(Records from a collection)
################
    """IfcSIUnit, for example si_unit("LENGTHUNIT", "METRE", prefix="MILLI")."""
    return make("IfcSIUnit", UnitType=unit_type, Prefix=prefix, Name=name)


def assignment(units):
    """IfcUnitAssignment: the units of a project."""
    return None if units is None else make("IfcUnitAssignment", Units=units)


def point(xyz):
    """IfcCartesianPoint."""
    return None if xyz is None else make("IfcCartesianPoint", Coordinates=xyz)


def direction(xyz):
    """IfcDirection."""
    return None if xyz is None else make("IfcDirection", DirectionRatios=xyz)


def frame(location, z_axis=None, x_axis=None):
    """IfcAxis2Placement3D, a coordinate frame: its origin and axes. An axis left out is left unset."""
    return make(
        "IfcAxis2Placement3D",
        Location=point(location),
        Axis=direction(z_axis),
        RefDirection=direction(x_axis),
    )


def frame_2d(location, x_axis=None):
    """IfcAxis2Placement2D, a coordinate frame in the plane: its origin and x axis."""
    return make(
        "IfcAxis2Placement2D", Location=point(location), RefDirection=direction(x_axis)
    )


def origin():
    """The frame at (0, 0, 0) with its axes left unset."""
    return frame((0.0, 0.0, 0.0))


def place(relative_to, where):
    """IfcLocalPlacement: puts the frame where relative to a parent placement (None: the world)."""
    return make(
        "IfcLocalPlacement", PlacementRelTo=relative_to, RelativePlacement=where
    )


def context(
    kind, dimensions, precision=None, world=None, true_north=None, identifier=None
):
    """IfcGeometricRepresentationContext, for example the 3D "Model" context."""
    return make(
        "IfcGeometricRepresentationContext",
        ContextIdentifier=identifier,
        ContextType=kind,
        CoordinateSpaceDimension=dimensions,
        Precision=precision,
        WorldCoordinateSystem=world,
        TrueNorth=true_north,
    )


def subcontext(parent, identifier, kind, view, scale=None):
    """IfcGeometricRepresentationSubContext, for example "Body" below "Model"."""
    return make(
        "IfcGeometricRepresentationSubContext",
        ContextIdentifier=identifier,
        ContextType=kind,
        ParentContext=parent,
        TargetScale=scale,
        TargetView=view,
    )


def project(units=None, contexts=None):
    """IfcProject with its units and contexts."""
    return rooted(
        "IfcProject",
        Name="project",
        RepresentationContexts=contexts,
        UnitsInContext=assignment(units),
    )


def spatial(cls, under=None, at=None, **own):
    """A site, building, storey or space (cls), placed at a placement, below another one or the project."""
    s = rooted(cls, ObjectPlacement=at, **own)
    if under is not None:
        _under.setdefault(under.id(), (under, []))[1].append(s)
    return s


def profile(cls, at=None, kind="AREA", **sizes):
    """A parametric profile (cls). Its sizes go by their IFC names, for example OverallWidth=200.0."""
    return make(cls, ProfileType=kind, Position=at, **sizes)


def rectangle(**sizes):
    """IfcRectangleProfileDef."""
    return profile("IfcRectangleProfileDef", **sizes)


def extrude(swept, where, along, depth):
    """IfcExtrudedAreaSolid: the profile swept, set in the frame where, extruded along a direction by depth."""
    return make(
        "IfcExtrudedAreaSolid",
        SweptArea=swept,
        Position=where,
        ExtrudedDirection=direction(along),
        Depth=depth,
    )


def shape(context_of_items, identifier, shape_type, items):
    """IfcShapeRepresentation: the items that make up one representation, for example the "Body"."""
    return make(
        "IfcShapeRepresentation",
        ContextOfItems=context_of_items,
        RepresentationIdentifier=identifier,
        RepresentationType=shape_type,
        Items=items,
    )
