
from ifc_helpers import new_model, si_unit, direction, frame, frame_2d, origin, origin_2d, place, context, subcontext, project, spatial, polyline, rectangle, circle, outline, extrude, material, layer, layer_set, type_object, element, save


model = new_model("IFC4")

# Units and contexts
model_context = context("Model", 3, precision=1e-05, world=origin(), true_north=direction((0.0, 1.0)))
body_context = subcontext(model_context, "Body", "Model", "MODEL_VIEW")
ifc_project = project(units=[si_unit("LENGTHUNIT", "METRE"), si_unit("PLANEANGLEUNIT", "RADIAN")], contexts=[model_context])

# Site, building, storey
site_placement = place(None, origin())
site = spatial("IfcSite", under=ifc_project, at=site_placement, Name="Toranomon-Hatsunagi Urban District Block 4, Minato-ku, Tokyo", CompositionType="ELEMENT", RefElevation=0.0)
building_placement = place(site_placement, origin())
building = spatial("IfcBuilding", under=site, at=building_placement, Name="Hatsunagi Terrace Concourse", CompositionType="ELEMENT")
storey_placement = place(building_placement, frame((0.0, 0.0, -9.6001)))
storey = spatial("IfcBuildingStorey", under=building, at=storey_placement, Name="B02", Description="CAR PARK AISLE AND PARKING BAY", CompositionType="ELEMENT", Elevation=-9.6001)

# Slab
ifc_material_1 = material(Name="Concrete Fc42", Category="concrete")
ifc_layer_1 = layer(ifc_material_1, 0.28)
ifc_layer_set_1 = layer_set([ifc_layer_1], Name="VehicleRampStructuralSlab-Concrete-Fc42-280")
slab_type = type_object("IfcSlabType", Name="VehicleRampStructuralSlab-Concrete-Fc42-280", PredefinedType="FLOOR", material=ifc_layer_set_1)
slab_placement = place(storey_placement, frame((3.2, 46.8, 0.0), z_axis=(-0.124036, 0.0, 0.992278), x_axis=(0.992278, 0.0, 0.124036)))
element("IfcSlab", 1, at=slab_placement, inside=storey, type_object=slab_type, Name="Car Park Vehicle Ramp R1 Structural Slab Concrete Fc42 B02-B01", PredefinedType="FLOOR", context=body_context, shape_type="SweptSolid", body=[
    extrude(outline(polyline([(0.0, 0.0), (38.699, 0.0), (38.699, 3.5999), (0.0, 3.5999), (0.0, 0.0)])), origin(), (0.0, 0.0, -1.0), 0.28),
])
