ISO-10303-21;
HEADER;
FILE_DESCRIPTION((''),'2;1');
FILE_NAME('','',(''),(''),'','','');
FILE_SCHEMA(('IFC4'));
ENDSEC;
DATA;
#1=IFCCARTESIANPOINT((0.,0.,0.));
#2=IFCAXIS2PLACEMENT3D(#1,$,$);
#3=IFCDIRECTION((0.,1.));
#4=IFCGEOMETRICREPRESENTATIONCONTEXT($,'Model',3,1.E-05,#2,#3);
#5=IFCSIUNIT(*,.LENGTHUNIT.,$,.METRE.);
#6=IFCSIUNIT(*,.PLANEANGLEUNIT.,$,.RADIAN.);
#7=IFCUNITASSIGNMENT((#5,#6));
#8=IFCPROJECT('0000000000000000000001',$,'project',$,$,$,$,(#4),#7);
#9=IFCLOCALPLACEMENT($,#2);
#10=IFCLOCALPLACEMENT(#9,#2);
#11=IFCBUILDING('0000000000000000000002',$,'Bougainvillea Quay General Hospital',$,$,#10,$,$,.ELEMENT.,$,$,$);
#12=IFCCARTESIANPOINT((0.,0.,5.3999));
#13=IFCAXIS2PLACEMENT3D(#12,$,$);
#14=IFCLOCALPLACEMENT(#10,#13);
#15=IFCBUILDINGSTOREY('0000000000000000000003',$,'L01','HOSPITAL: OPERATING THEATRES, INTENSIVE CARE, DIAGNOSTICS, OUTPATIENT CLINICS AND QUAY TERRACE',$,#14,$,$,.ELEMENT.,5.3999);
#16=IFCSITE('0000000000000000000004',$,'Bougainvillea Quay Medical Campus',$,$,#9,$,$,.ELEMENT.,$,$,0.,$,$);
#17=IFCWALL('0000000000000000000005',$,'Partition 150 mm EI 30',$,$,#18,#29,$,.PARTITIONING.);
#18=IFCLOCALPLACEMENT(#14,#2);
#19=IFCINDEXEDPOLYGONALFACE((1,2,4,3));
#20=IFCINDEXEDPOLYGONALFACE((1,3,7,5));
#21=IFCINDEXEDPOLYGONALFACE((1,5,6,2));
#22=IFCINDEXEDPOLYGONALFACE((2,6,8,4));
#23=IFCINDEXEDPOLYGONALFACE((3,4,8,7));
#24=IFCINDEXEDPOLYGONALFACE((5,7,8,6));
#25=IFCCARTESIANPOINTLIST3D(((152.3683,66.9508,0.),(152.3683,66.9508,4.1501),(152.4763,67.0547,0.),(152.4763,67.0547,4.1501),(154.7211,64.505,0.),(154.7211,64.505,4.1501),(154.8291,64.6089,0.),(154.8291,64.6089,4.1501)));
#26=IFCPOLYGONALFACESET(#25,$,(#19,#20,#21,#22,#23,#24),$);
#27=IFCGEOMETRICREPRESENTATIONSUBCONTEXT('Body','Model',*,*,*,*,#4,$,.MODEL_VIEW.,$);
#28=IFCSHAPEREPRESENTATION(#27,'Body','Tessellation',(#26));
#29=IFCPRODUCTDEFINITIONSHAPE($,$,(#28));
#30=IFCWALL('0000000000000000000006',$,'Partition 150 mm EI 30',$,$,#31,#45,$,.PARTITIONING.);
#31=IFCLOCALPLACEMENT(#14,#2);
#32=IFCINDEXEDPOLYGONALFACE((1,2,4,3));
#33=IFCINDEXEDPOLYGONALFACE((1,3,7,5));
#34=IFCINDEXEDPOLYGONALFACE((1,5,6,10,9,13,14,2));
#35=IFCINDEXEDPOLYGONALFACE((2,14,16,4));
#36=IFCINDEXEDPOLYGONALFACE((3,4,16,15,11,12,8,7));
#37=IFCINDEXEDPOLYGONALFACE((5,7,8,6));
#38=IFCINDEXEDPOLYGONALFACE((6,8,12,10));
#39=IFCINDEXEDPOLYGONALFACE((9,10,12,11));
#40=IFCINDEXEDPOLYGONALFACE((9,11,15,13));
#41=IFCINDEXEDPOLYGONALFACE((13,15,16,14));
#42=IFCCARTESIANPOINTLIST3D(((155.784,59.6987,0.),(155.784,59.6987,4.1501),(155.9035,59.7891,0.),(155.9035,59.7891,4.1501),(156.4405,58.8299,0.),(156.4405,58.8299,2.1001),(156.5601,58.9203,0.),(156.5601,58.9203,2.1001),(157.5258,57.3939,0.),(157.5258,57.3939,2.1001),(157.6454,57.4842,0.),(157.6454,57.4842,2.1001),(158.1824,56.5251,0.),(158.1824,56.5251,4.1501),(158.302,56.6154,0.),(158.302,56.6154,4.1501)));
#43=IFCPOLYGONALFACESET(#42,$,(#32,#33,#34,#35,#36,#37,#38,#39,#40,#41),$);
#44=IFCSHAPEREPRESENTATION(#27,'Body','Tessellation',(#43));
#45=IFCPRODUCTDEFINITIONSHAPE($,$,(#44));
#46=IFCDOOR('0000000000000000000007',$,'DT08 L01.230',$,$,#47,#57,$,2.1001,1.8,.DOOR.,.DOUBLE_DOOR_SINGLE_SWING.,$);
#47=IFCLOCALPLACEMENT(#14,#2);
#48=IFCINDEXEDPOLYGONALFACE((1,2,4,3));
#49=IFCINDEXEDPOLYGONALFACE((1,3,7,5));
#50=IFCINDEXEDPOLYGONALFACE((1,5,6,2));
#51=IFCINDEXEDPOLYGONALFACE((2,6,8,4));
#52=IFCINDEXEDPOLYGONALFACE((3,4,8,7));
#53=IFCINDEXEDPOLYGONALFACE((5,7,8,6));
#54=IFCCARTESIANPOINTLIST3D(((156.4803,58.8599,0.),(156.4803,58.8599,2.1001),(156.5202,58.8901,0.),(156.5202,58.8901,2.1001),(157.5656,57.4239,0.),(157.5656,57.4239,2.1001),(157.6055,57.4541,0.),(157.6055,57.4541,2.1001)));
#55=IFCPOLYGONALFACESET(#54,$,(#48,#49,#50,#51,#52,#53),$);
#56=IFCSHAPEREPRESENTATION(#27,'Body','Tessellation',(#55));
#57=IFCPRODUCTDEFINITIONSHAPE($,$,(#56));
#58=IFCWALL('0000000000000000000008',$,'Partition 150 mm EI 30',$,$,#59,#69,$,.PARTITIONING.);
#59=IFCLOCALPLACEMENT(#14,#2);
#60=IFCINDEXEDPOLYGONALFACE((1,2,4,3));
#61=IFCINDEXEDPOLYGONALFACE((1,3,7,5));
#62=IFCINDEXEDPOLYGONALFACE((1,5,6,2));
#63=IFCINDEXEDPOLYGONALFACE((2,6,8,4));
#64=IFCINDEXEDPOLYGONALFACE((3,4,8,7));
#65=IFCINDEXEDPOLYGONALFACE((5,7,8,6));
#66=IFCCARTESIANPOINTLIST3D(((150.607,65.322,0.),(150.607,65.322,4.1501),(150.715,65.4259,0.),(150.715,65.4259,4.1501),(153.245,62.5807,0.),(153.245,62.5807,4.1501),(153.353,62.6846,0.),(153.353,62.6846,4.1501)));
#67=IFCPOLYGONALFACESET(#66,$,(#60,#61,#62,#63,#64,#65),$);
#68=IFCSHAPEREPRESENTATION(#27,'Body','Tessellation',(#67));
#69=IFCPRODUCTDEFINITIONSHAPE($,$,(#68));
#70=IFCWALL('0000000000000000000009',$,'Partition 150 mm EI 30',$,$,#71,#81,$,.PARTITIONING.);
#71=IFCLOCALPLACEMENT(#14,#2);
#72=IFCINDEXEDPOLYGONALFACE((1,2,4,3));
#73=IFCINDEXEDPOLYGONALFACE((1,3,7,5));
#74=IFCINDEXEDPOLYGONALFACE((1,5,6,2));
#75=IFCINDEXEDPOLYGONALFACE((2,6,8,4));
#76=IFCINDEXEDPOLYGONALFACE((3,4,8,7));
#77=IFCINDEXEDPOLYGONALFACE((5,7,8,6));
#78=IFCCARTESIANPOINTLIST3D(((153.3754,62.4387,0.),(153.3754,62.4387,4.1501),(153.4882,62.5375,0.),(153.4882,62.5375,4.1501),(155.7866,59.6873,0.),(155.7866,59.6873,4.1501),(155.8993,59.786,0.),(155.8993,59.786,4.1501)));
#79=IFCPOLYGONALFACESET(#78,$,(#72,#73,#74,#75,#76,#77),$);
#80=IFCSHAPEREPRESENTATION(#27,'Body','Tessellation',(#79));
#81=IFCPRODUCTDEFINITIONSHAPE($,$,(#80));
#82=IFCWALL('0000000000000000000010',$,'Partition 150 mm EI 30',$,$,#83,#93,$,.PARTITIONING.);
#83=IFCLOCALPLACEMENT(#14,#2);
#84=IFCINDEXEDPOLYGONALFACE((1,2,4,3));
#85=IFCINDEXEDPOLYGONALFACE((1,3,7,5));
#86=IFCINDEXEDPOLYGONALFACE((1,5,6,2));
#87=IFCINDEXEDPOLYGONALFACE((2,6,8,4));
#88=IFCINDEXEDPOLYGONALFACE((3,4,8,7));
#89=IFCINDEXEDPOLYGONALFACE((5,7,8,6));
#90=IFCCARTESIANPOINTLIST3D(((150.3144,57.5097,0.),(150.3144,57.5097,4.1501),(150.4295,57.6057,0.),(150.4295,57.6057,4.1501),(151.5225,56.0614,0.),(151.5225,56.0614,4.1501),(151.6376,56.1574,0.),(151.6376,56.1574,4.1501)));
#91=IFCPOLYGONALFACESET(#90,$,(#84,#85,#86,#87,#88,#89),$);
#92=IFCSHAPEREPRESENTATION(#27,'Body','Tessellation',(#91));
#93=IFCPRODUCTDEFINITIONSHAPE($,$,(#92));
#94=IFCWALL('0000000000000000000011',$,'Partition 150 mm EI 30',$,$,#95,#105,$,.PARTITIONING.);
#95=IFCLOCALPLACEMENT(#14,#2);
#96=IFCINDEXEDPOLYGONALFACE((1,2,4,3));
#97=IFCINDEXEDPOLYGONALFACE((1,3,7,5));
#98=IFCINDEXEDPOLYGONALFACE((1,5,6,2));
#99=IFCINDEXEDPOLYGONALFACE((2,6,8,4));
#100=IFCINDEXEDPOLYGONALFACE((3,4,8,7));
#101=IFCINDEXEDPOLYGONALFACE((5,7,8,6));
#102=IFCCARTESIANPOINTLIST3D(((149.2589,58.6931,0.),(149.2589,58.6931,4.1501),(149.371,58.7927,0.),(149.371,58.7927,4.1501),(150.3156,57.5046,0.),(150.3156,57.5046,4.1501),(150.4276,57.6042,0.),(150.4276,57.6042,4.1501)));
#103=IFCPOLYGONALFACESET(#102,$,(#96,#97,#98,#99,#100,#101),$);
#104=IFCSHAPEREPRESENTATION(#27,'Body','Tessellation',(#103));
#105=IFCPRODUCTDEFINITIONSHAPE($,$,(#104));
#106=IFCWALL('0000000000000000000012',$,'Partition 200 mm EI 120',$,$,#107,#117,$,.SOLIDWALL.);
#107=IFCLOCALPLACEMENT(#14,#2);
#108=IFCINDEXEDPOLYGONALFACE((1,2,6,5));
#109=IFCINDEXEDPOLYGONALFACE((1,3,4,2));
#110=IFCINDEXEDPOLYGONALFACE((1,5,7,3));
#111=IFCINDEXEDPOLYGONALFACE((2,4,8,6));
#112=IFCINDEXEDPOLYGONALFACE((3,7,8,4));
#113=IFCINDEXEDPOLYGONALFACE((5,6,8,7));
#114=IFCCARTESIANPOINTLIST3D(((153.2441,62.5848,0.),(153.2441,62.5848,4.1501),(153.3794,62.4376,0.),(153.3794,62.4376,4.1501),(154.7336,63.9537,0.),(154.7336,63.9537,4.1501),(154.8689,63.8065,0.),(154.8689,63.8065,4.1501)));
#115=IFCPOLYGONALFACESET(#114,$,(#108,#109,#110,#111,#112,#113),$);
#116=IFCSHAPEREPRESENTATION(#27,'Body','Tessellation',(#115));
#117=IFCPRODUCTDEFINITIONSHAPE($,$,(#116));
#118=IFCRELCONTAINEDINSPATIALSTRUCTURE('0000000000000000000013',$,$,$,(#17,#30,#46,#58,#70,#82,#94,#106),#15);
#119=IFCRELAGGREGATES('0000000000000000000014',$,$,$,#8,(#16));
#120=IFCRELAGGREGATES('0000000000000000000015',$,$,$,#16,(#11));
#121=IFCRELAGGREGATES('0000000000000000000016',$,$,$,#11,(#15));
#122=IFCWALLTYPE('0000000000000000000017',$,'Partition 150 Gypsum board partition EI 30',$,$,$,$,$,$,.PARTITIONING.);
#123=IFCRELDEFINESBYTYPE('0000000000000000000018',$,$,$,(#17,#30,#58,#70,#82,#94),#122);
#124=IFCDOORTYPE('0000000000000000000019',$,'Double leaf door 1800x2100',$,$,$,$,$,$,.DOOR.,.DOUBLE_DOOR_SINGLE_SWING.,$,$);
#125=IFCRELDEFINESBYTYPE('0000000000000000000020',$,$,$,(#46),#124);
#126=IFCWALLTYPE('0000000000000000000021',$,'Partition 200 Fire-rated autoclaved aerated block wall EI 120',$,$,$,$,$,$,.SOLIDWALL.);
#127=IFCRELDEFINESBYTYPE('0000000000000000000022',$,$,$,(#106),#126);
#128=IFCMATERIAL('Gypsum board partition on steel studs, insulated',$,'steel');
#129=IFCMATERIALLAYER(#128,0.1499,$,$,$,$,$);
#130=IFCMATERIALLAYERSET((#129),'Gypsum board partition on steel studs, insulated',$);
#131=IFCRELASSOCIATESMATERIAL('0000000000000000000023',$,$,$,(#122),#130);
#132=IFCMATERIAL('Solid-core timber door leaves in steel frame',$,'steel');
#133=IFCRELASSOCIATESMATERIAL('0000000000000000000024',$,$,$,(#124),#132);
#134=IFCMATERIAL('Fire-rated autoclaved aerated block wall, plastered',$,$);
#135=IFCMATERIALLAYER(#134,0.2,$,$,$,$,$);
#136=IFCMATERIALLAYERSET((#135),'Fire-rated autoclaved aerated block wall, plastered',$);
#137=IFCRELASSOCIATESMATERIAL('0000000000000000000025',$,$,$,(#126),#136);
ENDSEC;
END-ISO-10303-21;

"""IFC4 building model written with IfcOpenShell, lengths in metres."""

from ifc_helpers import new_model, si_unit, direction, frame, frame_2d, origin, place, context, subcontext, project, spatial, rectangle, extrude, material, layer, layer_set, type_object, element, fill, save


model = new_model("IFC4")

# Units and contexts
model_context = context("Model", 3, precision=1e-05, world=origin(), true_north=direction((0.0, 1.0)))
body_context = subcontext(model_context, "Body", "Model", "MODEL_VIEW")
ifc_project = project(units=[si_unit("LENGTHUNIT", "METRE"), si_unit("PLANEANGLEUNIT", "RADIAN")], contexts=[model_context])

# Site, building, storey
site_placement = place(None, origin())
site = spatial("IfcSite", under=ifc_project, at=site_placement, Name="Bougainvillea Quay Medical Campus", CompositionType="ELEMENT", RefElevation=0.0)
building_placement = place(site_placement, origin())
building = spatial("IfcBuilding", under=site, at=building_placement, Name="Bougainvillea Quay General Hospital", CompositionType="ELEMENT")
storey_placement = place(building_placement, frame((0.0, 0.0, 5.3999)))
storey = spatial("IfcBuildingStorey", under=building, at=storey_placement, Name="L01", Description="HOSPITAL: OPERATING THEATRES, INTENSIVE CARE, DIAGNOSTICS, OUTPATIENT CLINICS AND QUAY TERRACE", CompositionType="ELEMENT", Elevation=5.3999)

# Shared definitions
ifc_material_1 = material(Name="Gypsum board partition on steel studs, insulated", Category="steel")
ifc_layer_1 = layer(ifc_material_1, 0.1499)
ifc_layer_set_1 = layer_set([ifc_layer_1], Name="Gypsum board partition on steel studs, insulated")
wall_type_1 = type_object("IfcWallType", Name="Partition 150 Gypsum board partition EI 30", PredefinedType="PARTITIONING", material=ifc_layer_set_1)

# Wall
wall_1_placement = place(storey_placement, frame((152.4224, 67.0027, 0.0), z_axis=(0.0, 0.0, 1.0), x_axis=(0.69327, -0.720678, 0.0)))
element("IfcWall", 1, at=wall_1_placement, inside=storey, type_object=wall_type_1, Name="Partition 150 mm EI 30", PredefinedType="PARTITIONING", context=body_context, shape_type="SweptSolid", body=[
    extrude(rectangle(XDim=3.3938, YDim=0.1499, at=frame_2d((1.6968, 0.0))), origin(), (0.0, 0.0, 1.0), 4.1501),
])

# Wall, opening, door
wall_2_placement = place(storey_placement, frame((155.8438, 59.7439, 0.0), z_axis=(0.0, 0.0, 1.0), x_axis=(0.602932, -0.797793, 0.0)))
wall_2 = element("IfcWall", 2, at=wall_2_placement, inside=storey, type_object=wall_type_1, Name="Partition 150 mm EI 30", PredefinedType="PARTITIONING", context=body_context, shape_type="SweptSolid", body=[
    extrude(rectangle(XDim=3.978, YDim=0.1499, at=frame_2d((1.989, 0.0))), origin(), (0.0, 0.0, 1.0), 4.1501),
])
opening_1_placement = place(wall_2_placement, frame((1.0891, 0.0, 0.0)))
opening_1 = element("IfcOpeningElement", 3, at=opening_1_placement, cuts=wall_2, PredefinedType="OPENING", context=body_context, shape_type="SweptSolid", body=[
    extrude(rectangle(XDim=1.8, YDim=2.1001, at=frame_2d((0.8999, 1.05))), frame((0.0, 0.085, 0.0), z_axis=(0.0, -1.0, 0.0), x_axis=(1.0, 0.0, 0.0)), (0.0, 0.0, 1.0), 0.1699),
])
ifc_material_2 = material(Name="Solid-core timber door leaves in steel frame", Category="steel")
################
__What to work on__
Of the lines above, extract only those from the line with "#116=IFCSHAPEREPRESENTATION(#27,'Body','Tessellation',(#115));" to the line with "#134=IFCMATERIAL('Fire-rated autoclaved aerated", both included, exactly as written.

__Task solution__
#116=IFCSHAPEREPRESENTATION(#27,'Body','Tessellation',(#115));
#117=IFCPRODUCTDEFINITIONSHAPE($,$,(#116));
#118=IFCRELCONTAINEDINSPATIALSTRUCTURE('0000000000000000000013',$,$,$,(#17,#30,#46,#58,#70,#82,#94,#106),#15);
#119=IFCRELAGGREGATES('0000000000000000000014',$,$,$,#8,(#16));
#120=IFCRELAGGREGATES('0000000000000000000015',$,$,$,#16,(#11));
#121=IFCRELAGGREGATES('0000000000000000000016',$,$,$,#11,(#15));
#122=IFCWALLTYPE('0000000000000000000017',$,'Partition 150 Gypsum board partition EI 30',$,$,$,$,$,$,.PARTITIONING.);
#123=IFCRELDEFINESBYTYPE('0000000000000000000018',$,$,$,(#17,#30,#58,#70,#82,#94),#122);
#124=IFCDOORTYPE('0000000000000000000019',$,'Double leaf door 1800x2100',$,$,$,$,$,$,.DOOR.,.DOUBLE_DOOR_SINGLE_SWING.,$,$);
#125=IFCRELDEFINESBYTYPE('0000000000000000000020',$,$,$,(#46),#124);
#126=IFCWALLTYPE('0000000000000000000021',$,'Partition 200 Fire-rated autoclaved aerated block wall EI 120',$,$,$,$,$,$,.SOLIDWALL.);
#127=IFCRELDEFINESBYTYPE('0000000000000000000022',$,$,$,(#106),#126);
#128=IFCMATERIAL('Gypsum board partition on steel studs, insulated',$,'steel');
#129=IFCMATERIALLAYER(#128,0.1499,$,$,$,$,$);
#130=IFCMATERIALLAYERSET((#129),'Gypsum board partition on steel studs, insulated',$);
#131=IFCRELASSOCIATESMATERIAL('0000000000000000000023',$,$,$,(#122),#130);
#132=IFCMATERIAL('Solid-core timber door leaves in steel frame',$,'steel');
#133=IFCRELASSOCIATESMATERIAL('0000000000000000000024',$,$,$,(#124),#132);
#134=IFCMATERIAL('Fire-rated autoclaved aerated block wall, plastered',$,$);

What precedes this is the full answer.